EXERCISE REQUIREMENTS: Work through the lines below and count those holding "BRACKET"; reply with the number only.

*-*-*

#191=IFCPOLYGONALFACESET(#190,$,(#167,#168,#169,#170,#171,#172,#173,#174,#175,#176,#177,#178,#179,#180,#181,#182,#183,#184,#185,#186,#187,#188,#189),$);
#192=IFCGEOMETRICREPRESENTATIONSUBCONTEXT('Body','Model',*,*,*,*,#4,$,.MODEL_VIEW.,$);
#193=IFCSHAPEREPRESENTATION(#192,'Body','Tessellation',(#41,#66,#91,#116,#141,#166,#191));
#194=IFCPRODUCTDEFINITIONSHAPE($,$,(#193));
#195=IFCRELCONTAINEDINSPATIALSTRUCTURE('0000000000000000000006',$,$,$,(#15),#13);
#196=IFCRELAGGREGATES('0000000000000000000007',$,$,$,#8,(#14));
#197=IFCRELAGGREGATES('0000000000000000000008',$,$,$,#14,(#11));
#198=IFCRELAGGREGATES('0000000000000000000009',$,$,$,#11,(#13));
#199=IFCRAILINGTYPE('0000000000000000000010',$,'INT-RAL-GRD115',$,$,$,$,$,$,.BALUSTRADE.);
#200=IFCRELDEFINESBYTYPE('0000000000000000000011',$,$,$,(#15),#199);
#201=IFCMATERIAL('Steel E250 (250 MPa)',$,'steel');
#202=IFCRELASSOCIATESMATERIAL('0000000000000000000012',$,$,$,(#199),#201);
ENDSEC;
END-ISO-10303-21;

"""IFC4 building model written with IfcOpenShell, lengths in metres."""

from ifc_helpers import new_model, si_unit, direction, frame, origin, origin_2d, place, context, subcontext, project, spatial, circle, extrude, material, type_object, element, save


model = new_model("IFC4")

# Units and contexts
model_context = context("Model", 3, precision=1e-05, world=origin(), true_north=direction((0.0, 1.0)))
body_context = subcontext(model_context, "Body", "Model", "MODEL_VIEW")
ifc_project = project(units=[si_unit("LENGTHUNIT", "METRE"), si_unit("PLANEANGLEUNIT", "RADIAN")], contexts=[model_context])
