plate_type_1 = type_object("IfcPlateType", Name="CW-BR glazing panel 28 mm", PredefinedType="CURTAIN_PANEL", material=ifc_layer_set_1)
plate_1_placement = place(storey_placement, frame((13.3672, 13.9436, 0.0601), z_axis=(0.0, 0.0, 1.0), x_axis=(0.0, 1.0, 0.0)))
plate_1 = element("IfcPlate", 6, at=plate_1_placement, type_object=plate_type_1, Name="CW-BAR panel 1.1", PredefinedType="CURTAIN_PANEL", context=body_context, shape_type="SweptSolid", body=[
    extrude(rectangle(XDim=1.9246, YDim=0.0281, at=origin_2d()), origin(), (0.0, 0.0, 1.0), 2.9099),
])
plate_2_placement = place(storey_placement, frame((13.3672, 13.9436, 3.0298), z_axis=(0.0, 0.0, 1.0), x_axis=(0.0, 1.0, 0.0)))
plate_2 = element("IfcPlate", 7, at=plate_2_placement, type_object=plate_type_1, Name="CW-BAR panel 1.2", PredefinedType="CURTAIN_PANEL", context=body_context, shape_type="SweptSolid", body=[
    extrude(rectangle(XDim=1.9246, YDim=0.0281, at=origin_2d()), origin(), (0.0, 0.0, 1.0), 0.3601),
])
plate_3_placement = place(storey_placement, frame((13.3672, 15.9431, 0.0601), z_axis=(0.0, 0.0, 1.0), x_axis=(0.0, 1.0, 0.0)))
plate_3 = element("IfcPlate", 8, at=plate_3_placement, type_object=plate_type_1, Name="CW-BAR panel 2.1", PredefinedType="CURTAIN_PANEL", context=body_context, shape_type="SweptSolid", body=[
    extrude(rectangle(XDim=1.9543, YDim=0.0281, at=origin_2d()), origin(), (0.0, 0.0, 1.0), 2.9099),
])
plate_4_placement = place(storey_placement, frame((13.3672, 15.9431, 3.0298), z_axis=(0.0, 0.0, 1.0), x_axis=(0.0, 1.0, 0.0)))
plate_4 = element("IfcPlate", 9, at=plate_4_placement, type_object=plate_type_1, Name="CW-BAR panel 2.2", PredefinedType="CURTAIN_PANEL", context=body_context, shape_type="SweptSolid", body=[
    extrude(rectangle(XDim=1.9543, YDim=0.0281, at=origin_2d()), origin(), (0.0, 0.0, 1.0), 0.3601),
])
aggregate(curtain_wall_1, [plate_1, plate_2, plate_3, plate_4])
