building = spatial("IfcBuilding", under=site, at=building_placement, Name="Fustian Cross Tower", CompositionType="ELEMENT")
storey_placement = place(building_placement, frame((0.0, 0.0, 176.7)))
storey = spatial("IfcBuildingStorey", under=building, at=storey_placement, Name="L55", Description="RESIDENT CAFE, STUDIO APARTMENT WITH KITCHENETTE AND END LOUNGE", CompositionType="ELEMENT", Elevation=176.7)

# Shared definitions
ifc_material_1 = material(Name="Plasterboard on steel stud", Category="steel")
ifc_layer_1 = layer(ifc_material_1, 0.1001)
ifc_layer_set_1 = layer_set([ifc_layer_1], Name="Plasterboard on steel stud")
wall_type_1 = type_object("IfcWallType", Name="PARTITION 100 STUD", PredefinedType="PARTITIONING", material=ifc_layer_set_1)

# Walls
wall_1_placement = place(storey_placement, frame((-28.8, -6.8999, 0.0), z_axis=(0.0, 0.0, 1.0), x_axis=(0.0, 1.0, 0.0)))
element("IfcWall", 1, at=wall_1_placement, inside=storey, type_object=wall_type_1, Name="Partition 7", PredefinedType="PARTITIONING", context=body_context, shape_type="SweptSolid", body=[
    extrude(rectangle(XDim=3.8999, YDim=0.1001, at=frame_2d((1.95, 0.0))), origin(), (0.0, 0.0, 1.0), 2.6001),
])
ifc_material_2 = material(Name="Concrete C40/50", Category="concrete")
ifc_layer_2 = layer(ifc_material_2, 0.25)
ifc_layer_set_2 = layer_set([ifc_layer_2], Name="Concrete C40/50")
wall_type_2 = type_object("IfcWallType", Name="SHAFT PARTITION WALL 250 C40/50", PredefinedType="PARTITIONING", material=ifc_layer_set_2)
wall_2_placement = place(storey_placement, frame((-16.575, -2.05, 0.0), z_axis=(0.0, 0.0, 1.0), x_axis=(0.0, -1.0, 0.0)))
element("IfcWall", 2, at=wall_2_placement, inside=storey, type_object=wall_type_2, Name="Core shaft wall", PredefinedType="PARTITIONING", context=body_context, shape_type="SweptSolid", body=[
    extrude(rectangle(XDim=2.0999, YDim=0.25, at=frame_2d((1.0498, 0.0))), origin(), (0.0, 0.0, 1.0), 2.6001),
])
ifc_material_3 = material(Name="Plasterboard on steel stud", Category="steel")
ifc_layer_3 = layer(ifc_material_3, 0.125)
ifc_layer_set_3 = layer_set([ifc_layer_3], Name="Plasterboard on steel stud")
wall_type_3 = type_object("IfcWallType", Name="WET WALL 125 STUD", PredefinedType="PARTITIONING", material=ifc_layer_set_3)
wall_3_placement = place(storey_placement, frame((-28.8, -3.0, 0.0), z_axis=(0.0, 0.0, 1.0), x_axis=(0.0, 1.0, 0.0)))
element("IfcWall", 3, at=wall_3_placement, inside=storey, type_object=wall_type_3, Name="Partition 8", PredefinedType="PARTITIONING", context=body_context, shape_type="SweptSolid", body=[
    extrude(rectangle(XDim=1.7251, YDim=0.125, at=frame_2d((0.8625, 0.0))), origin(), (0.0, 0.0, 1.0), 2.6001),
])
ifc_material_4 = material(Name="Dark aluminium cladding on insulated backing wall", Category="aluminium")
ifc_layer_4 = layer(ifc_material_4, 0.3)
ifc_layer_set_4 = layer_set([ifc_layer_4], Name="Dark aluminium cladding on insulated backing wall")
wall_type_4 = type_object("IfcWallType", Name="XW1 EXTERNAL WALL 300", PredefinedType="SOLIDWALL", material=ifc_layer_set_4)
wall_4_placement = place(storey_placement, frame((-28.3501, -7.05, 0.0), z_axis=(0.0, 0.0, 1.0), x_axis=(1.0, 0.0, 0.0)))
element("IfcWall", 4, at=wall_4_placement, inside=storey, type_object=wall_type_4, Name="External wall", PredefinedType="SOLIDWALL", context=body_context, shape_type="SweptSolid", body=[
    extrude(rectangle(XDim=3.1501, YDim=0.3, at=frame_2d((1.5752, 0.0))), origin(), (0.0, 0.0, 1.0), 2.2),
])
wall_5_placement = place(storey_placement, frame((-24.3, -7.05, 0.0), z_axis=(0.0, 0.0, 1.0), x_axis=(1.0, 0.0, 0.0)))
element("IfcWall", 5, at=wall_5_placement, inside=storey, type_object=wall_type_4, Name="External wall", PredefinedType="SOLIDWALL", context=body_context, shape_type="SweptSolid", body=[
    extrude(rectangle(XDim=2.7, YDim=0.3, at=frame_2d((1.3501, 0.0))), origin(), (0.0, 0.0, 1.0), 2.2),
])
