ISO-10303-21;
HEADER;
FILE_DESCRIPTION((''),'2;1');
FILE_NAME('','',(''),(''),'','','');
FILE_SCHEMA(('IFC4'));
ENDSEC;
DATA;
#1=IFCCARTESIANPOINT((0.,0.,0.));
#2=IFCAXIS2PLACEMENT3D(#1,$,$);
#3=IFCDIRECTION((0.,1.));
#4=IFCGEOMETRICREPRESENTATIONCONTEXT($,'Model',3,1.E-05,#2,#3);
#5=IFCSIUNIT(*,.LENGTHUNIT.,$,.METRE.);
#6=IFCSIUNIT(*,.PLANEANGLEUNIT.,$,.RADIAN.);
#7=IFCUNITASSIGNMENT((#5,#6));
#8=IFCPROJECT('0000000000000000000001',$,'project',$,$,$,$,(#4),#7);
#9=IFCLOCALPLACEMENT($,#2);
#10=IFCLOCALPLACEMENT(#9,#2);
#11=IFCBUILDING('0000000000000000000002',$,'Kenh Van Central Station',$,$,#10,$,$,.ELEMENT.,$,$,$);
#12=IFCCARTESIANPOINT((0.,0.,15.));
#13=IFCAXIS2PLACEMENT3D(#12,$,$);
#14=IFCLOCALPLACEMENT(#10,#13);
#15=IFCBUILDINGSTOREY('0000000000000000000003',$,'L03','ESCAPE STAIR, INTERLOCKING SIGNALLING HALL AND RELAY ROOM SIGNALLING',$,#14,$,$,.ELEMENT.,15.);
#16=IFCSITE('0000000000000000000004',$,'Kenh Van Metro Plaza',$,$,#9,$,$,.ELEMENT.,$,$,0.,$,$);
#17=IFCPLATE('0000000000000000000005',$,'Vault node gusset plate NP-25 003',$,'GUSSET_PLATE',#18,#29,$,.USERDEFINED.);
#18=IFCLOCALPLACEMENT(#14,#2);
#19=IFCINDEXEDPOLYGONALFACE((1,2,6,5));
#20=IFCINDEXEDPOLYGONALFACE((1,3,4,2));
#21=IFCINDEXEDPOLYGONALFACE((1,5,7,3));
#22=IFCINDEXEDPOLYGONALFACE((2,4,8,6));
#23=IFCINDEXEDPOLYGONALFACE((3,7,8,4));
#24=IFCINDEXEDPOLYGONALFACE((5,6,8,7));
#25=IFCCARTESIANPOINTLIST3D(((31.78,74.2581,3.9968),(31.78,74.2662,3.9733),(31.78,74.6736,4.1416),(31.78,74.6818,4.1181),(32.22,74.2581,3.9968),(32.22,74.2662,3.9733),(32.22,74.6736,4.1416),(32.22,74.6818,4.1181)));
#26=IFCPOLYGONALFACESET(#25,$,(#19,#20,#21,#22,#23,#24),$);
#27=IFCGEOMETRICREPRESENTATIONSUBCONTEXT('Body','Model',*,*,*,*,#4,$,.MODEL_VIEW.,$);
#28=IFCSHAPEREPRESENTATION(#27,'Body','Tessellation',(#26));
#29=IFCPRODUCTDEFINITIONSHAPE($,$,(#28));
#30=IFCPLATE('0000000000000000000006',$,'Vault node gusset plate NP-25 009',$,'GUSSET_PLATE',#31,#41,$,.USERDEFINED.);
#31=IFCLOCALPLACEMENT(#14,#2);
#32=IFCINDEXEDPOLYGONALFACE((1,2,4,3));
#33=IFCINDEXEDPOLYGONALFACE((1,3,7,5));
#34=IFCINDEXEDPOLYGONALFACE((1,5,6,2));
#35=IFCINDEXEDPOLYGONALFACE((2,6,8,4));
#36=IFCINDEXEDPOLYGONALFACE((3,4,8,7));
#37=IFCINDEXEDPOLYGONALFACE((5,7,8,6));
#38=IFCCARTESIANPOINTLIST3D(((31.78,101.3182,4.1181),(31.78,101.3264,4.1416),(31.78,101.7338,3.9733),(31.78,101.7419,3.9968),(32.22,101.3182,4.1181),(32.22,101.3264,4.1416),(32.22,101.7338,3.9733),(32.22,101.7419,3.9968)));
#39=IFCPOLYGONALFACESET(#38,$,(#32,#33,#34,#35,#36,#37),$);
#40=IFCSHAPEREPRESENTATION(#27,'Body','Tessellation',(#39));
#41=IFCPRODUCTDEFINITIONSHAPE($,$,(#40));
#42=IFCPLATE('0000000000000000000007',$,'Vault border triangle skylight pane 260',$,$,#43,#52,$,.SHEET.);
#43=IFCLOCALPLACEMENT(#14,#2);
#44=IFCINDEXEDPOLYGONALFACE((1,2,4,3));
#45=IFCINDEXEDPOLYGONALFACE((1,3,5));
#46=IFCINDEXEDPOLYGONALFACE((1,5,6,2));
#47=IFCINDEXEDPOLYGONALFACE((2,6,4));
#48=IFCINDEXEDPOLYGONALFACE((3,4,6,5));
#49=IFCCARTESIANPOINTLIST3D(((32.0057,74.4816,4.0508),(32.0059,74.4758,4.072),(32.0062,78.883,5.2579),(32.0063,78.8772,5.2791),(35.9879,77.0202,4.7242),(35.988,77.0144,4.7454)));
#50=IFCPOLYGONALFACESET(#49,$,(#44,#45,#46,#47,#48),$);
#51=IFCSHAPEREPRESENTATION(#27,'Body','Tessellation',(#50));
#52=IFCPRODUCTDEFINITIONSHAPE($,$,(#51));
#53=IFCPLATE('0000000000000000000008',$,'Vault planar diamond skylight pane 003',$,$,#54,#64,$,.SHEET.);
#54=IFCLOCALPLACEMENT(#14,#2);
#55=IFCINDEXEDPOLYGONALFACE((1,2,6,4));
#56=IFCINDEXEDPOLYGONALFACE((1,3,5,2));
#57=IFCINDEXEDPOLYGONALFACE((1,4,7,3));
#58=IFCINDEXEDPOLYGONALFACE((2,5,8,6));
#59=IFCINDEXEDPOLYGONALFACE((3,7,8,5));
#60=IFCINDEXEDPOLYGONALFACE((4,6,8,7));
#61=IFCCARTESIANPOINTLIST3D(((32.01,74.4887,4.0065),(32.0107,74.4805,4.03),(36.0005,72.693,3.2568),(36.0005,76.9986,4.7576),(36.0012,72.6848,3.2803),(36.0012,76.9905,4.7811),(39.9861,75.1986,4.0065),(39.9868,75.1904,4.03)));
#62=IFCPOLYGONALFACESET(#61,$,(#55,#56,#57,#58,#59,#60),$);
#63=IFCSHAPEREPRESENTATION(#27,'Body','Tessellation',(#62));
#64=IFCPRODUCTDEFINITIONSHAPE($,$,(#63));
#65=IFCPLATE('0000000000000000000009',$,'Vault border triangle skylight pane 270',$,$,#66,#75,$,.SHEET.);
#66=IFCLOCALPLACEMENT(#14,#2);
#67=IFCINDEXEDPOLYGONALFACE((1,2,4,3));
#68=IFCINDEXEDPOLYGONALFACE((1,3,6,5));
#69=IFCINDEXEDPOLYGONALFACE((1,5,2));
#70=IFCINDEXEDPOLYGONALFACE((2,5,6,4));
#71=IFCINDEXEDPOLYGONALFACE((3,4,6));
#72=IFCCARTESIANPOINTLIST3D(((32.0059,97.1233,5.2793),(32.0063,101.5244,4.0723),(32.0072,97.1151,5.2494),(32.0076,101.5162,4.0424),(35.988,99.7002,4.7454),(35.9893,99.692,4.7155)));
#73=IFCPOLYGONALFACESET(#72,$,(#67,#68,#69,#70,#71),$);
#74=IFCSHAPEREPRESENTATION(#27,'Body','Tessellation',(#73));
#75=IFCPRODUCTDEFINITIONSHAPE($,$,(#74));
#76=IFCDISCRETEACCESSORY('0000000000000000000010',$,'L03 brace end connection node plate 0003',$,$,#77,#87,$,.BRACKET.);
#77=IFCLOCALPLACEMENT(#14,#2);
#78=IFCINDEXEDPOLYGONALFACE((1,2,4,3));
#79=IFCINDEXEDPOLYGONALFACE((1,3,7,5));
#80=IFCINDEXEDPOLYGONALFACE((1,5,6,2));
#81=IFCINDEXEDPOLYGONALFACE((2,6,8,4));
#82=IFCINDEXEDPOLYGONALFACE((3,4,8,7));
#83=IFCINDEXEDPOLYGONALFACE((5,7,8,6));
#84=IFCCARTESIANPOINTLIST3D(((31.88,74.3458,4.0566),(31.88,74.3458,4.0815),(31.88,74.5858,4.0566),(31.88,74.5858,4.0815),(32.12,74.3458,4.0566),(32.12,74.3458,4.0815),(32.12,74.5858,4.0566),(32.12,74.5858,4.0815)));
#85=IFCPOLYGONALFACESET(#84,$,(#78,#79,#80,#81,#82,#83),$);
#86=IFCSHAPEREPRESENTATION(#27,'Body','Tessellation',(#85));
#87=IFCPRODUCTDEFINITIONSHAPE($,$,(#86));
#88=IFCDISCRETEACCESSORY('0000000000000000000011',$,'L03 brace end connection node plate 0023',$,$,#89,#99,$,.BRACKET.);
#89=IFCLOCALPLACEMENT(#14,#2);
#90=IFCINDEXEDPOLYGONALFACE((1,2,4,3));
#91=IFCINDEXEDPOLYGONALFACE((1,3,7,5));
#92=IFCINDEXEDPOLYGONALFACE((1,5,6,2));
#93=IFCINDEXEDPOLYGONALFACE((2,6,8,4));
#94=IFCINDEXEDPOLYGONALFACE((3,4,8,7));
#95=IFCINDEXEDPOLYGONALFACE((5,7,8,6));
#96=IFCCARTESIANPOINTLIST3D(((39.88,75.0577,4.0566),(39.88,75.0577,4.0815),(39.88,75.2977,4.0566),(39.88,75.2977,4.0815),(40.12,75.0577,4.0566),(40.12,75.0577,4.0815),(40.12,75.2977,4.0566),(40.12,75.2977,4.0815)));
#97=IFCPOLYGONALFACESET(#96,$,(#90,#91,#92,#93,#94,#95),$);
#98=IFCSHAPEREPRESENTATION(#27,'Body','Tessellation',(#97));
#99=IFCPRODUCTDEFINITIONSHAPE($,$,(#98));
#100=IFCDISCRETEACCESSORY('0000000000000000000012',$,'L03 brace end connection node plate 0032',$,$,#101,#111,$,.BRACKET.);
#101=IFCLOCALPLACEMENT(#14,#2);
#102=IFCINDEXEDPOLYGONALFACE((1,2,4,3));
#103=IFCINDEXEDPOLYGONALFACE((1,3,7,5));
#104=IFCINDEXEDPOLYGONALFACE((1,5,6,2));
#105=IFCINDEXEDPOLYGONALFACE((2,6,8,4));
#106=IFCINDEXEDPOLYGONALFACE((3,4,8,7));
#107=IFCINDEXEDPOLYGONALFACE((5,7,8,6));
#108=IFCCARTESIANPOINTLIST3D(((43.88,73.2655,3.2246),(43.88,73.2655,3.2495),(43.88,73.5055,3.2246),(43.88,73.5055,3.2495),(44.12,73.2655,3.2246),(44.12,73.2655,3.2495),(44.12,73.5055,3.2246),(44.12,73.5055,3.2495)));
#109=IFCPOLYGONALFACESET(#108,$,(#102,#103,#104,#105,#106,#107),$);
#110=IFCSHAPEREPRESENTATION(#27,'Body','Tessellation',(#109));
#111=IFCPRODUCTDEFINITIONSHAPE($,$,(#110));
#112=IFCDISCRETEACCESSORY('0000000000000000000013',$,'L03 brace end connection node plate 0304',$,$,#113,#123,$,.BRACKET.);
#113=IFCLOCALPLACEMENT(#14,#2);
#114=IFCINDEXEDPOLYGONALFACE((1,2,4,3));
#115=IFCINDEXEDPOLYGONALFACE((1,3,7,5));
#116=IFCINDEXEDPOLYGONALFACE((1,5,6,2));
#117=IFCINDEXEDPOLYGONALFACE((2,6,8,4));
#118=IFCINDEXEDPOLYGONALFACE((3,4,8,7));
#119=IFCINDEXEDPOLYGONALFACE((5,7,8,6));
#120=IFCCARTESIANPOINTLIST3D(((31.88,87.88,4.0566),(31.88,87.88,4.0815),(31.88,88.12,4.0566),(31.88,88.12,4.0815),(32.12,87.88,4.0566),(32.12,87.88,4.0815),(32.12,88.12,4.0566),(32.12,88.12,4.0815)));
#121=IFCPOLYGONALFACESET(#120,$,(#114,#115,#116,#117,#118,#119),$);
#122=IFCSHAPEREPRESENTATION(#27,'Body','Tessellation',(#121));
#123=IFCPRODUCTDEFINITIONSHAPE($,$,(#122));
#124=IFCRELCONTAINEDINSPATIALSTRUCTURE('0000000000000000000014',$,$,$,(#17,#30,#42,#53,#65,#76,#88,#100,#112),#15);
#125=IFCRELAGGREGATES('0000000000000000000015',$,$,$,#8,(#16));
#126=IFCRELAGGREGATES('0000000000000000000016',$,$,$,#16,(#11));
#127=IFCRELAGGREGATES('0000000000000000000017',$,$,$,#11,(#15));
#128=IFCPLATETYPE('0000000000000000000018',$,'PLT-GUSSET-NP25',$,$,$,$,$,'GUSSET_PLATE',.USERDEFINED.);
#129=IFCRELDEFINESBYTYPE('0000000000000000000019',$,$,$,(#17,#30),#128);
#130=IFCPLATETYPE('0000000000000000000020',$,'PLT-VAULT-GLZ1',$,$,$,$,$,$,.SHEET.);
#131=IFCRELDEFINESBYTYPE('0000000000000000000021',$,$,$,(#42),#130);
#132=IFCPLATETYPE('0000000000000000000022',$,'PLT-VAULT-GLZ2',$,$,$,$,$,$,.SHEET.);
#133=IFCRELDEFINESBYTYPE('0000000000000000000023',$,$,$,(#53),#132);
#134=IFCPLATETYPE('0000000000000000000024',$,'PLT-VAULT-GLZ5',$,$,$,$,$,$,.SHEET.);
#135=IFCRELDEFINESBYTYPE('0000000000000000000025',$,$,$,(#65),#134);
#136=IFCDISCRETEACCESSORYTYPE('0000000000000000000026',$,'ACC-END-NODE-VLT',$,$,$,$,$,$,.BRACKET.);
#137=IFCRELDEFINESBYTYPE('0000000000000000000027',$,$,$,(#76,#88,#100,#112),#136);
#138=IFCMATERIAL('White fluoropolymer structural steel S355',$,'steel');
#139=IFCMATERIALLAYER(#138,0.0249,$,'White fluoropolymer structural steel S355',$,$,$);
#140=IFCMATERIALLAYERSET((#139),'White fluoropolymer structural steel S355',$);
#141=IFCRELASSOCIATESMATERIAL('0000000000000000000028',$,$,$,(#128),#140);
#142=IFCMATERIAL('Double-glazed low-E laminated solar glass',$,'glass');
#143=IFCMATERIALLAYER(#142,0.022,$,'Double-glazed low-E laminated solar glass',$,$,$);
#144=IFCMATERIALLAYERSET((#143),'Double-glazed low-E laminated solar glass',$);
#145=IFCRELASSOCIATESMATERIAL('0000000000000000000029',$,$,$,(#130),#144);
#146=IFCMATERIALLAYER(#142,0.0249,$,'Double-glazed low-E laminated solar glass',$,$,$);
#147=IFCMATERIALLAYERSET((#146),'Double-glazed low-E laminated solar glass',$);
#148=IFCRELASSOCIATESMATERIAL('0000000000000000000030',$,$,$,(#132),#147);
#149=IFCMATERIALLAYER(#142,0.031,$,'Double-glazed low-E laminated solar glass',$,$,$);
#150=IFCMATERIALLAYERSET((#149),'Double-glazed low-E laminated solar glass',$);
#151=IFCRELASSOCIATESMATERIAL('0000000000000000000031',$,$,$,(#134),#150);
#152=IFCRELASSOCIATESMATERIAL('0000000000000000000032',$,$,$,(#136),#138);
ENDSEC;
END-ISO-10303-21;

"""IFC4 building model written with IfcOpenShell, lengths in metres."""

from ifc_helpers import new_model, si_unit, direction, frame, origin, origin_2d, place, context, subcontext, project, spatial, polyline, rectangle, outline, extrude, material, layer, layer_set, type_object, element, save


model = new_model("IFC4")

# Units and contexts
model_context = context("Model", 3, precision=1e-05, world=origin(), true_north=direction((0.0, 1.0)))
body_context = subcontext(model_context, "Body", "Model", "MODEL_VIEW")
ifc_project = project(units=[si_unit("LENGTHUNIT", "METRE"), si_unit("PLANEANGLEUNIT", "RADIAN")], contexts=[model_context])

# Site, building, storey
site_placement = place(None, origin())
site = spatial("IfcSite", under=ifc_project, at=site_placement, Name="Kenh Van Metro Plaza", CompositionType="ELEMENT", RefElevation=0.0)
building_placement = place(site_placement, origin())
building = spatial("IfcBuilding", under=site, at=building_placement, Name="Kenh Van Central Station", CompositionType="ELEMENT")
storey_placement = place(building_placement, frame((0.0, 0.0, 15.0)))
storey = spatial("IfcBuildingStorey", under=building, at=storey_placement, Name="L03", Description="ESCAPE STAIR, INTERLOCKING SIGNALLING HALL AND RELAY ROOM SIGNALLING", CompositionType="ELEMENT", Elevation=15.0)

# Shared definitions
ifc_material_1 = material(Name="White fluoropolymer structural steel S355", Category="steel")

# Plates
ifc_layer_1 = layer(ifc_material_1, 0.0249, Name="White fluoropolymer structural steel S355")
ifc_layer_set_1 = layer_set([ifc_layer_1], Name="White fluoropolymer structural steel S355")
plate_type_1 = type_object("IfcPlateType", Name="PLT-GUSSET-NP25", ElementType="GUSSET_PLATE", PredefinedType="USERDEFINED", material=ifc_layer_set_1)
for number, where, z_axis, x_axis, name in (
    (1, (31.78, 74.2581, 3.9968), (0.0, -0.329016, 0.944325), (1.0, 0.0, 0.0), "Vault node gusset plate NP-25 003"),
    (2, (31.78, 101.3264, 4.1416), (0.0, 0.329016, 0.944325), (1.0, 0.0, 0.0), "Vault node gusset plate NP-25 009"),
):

*-*-*

REPLY: 5